Prompt: Report all lines of the records that contain "Body".

Saved data entries
※
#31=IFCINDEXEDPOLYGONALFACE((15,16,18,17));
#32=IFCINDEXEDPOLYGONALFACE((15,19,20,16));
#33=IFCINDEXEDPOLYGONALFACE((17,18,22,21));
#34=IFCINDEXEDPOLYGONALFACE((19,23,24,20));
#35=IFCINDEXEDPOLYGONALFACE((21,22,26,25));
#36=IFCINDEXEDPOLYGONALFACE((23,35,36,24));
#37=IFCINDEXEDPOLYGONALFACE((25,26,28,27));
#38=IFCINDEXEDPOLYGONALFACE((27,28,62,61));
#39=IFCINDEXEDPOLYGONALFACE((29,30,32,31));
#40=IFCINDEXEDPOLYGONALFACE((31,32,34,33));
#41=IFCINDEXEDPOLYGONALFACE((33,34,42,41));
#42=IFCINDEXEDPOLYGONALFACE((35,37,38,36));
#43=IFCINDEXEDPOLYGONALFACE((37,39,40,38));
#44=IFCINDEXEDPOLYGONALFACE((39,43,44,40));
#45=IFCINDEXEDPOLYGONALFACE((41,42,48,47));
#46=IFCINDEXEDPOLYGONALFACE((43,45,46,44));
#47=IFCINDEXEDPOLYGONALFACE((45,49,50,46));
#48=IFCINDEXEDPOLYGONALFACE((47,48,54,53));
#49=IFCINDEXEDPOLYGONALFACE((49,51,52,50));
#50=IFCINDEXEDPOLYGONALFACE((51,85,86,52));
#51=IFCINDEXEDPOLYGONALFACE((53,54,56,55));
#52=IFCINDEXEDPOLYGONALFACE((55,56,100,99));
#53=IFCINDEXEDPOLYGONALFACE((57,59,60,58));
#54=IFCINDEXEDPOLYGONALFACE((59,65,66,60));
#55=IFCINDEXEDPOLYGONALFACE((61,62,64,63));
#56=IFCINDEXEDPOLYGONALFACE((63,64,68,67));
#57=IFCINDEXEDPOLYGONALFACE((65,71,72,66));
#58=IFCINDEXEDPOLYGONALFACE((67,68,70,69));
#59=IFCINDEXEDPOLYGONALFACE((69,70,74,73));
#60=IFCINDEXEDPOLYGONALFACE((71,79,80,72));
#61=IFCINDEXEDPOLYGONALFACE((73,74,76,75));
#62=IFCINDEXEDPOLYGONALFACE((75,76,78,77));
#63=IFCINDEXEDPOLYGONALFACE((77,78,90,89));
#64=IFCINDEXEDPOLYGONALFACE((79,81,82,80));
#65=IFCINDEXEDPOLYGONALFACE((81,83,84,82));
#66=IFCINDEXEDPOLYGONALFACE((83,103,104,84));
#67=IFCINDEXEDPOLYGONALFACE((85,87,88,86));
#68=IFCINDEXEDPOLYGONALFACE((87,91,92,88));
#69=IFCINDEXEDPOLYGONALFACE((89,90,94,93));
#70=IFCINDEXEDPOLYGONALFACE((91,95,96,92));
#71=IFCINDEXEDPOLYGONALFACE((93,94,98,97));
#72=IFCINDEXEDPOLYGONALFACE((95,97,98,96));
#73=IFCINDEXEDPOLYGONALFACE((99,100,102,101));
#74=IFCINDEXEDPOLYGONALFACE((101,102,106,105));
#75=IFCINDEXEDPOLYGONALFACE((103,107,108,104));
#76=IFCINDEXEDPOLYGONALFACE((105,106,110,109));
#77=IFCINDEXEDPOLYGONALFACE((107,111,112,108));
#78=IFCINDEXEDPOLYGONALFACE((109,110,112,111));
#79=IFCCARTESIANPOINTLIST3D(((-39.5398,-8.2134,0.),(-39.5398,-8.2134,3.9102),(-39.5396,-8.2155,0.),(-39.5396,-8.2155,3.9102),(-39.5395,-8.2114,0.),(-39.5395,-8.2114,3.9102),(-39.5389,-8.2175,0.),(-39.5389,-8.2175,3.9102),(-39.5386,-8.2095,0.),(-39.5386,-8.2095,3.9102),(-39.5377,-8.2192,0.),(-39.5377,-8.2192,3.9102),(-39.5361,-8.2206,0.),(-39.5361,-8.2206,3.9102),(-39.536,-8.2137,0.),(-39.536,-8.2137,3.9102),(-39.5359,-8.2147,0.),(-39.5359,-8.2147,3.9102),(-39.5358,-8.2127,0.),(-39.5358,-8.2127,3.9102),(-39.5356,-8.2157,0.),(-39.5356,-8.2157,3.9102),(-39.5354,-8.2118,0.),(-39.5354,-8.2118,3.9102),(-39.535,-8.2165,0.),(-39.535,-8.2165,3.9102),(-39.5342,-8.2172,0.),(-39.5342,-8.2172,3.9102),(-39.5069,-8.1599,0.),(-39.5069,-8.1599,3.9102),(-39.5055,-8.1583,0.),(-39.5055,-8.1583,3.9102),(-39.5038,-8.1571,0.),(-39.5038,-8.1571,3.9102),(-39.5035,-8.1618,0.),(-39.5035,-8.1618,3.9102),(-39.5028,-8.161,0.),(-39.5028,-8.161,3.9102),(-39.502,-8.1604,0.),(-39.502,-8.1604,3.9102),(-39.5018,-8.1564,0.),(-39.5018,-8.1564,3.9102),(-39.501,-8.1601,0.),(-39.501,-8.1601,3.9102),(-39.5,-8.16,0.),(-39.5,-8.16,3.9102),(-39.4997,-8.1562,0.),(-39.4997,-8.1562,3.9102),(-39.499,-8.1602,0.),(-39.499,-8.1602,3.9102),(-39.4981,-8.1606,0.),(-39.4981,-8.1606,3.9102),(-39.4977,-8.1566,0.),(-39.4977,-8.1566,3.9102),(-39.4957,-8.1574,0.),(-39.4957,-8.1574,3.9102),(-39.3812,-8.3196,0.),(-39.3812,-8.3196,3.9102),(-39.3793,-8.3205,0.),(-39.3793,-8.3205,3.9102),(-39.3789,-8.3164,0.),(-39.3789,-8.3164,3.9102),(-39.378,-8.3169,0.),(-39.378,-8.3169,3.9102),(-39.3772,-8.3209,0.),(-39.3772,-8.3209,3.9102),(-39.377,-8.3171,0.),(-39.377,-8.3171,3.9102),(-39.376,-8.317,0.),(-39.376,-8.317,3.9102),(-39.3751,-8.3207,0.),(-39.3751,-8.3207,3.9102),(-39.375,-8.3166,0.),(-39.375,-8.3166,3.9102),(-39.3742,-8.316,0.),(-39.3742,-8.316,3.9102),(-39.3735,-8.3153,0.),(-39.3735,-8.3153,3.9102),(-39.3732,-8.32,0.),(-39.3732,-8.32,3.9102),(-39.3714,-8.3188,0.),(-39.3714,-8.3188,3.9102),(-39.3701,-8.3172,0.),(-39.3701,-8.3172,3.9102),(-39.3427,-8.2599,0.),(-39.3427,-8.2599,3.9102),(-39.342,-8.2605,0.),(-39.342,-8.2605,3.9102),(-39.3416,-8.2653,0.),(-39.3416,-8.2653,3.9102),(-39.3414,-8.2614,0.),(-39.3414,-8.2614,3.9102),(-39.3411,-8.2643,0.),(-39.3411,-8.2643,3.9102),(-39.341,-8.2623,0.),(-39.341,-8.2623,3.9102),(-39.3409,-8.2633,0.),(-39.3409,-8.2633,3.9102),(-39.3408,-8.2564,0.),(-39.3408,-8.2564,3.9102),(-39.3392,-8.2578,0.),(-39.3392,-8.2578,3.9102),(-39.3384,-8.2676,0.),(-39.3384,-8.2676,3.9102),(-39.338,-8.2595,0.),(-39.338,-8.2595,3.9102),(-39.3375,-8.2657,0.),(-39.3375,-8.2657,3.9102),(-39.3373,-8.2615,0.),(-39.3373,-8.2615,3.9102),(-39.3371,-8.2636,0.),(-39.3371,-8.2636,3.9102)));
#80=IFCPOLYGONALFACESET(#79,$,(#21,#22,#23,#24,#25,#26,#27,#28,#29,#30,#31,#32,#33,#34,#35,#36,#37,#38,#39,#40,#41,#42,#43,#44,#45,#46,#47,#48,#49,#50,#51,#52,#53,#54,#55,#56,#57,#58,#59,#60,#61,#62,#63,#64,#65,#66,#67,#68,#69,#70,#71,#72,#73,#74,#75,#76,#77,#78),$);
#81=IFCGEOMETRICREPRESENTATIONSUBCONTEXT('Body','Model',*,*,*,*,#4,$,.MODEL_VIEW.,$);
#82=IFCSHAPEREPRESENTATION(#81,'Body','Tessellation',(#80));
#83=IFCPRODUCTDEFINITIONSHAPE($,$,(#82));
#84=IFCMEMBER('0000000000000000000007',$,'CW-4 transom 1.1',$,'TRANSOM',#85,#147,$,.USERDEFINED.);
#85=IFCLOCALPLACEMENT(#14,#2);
※
Expected answer:
#81=IFCGEOMETRICREPRESENTATIONSUBCONTEXT('Body','Model',*,*,*,*,#4,$,.MODEL_VIEW.,$);
#82=IFCSHAPEREPRESENTATION(#81,'Body','Tessellation',(#80));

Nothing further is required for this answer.